— Activity —
Only the lines from the start of the material through the line containing "#168=IFCMATERIAL('Steel ASTM A572" are to be extracted, exactly as they appear.

Segment Start: Data

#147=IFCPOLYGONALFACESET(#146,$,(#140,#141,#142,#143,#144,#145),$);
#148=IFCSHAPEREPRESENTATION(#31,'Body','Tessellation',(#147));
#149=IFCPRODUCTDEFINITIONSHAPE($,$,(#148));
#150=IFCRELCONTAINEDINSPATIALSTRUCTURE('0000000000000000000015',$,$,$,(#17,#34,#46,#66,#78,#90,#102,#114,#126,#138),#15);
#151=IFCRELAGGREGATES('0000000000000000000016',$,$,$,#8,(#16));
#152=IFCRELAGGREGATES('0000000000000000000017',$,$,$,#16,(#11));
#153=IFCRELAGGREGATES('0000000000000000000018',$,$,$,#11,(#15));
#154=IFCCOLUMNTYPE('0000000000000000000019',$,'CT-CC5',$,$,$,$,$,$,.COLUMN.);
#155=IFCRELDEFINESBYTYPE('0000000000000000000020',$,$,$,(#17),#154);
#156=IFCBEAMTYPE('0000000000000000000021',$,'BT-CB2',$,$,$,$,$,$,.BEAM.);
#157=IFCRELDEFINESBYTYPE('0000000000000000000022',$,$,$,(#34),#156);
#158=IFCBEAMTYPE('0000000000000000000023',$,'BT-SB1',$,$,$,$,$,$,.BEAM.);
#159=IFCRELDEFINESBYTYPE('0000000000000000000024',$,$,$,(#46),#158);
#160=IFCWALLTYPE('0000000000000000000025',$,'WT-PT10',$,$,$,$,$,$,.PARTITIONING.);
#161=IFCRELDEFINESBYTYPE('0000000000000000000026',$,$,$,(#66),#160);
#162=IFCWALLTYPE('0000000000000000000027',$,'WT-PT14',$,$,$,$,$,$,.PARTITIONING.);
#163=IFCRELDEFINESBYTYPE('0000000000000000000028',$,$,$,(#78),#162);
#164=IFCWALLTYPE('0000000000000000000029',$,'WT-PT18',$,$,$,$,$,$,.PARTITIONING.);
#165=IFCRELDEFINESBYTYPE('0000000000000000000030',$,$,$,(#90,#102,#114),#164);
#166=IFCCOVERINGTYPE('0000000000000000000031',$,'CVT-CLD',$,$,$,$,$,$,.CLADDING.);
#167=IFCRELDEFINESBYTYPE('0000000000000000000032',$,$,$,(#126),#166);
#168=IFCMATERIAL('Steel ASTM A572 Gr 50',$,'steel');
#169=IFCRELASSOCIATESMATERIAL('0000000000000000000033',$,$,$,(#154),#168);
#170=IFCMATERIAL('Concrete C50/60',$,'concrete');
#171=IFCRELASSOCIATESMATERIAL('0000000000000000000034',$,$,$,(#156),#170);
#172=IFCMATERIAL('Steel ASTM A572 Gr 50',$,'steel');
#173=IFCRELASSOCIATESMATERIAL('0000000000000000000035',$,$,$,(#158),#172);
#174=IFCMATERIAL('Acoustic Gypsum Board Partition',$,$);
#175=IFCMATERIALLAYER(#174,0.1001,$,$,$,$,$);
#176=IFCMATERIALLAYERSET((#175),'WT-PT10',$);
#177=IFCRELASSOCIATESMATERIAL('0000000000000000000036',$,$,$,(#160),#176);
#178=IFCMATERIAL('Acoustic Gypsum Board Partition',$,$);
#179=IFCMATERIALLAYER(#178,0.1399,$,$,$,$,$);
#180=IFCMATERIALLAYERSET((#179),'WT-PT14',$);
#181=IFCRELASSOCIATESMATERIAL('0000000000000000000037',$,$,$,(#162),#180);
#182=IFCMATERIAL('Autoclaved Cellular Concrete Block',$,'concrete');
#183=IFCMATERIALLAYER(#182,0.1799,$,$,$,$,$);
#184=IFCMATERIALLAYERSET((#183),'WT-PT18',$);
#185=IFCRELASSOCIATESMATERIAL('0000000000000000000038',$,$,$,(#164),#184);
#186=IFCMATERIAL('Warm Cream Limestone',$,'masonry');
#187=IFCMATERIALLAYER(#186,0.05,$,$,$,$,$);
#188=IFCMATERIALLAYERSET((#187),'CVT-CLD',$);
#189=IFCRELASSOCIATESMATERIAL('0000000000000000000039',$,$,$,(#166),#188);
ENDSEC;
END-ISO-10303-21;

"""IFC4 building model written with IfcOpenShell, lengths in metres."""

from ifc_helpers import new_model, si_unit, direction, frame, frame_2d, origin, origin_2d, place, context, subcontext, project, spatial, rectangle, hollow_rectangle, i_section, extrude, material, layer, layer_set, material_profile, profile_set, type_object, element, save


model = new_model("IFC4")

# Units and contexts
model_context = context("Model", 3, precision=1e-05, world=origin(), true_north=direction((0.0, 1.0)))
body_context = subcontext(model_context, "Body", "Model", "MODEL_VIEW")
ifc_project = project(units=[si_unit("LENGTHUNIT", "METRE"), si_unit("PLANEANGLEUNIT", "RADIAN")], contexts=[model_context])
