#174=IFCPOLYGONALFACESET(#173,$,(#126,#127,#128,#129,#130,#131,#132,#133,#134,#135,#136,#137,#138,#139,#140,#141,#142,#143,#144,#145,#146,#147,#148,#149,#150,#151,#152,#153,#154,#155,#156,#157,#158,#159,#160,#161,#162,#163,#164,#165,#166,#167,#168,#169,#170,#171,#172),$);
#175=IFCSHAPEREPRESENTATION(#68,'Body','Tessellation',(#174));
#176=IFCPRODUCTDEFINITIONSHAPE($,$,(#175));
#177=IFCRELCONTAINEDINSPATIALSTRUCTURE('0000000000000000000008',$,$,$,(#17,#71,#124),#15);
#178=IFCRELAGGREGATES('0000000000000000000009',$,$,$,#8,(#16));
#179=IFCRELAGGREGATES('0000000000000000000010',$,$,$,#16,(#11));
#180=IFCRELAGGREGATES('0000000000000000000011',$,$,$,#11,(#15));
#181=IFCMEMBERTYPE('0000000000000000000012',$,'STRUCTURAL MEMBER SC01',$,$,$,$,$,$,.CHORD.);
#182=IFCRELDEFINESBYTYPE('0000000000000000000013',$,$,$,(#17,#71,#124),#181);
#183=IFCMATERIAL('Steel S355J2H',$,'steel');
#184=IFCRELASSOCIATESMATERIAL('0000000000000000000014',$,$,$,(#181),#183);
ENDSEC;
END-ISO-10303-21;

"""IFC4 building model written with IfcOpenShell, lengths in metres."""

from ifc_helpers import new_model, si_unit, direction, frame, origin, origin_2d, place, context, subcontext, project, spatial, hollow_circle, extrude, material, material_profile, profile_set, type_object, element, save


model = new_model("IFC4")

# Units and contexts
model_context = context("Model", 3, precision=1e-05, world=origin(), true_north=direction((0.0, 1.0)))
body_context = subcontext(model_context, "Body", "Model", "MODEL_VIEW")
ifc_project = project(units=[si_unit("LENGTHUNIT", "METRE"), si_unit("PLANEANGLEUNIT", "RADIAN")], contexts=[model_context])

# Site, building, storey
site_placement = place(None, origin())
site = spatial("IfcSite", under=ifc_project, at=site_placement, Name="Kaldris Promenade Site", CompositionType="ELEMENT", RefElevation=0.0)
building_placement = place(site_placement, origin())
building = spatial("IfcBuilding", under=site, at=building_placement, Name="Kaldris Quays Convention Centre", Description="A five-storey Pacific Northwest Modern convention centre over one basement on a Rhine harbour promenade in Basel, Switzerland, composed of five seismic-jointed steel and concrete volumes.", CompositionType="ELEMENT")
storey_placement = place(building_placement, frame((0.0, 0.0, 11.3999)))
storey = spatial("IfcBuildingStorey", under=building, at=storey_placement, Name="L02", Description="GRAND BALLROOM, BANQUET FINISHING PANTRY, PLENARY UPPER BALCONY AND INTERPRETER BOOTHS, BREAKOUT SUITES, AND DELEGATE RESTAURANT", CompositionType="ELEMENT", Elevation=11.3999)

Segment End: Data

— Reply —
#147=IFCPOLYGONALFACESET(#146,$,(#140,#141,#142,#143,#144,#145),$);
#148=IFCSHAPEREPRESENTATION(#31,'Body','Tessellation',(#147));
#149=IFCPRODUCTDEFINITIONSHAPE($,$,(#148));
#150=IFCRELCONTAINEDINSPATIALSTRUCTURE('0000000000000000000015',$,$,$,(#17,#34,#46,#66,#78,#90,#102,#114,#126,#138),#15);
#151=IFCRELAGGREGATES('0000000000000000000016',$,$,$,#8,(#16));
#152=IFCRELAGGREGATES('0000000000000000000017',$,$,$,#16,(#11));
#153=IFCRELAGGREGATES('0000000000000000000018',$,$,$,#11,(#15));
#154=IFCCOLUMNTYPE('0000000000000000000019',$,'CT-CC5',$,$,$,$,$,$,.COLUMN.);
#155=IFCRELDEFINESBYTYPE('0000000000000000000020',$,$,$,(#17),#154);
#156=IFCBEAMTYPE('0000000000000000000021',$,'BT-CB2',$,$,$,$,$,$,.BEAM.);
#157=IFCRELDEFINESBYTYPE('0000000000000000000022',$,$,$,(#34),#156);
#158=IFCBEAMTYPE('0000000000000000000023',$,'BT-SB1',$,$,$,$,$,$,.BEAM.);
#159=IFCRELDEFINESBYTYPE('0000000000000000000024',$,$,$,(#46),#158);
#160=IFCWALLTYPE('0000000000000000000025',$,'WT-PT10',$,$,$,$,$,$,.PARTITIONING.);
#161=IFCRELDEFINESBYTYPE('0000000000000000000026',$,$,$,(#66),#160);
#162=IFCWALLTYPE('0000000000000000000027',$,'WT-PT14',$,$,$,$,$,$,.PARTITIONING.);
#163=IFCRELDEFINESBYTYPE('0000000000000000000028',$,$,$,(#78),#162);
#164=IFCWALLTYPE('0000000000000000000029',$,'WT-PT18',$,$,$,$,$,$,.PARTITIONING.);
#165=IFCRELDEFINESBYTYPE('0000000000000000000030',$,$,$,(#90,#102,#114),#164);
#166=IFCCOVERINGTYPE('0000000000000000000031',$,'CVT-CLD',$,$,$,$,$,$,.CLADDING.);
#167=IFCRELDEFINESBYTYPE('0000000000000000000032',$,$,$,(#126),#166);
#168=IFCMATERIAL('Steel ASTM A572 Gr 50',$,'steel');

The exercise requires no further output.